Data shown:
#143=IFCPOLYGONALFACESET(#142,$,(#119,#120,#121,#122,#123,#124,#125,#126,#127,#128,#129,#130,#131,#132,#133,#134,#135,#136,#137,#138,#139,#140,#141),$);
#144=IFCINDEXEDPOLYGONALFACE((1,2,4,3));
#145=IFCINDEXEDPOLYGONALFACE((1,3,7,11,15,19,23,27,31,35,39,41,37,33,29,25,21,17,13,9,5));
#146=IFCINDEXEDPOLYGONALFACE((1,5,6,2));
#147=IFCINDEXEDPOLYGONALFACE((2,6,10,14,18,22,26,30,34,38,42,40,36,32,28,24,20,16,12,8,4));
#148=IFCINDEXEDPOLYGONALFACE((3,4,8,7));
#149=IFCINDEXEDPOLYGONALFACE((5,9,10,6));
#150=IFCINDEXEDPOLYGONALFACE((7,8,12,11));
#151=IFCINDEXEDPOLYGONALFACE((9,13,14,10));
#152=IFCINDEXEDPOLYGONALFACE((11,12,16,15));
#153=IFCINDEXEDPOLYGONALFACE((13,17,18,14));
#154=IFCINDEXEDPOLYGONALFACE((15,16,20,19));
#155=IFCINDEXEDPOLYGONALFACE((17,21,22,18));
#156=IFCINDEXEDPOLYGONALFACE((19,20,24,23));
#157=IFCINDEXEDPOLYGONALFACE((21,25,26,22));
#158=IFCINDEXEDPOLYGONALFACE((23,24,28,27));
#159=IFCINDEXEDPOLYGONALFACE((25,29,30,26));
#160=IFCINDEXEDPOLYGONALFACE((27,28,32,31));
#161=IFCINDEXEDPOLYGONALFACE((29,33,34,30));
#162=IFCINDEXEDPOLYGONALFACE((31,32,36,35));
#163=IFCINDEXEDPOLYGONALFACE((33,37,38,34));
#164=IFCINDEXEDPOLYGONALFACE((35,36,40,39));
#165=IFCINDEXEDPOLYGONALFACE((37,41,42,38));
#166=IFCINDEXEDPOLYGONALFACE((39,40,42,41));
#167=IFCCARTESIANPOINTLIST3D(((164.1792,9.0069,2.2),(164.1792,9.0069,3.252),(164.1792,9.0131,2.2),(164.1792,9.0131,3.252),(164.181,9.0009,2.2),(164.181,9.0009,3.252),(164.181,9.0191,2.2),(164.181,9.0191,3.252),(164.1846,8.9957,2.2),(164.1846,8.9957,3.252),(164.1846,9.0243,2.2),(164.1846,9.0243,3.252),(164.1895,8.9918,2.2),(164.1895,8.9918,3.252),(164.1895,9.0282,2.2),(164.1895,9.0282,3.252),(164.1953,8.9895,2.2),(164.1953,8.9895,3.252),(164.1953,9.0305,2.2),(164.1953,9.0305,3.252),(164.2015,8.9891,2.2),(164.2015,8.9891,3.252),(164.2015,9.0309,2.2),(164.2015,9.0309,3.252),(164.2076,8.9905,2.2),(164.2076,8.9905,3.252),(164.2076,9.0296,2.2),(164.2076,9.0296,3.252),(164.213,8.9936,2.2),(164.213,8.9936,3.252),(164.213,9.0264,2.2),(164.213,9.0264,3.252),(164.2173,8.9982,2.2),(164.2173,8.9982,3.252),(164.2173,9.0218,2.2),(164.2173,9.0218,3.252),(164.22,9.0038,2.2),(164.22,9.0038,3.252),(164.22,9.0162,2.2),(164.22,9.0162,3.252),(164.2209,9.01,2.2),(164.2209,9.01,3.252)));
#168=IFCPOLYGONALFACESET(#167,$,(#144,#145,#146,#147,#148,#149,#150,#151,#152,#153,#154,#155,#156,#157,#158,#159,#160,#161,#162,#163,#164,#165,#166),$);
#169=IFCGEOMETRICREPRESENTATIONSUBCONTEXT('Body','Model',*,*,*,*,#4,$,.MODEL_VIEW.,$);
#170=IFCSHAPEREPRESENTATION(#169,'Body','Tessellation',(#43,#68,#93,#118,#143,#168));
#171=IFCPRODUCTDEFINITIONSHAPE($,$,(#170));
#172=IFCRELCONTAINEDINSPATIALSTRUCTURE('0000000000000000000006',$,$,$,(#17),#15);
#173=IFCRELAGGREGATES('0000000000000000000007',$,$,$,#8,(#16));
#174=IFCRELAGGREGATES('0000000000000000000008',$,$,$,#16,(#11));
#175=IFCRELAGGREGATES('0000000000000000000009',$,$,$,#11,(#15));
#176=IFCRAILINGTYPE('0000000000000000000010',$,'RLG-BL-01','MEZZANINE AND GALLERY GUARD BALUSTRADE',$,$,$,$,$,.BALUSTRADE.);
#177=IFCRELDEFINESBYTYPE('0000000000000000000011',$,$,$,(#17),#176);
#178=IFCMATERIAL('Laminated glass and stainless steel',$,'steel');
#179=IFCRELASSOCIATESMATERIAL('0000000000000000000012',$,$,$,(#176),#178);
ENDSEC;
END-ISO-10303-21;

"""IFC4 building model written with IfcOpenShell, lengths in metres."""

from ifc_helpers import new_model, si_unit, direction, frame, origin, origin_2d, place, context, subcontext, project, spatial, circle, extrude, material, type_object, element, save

Problem:
Find how many of the lines above have the word "IFCRELAGGREGATES" in them. State only that number.

Response for this exercise:
3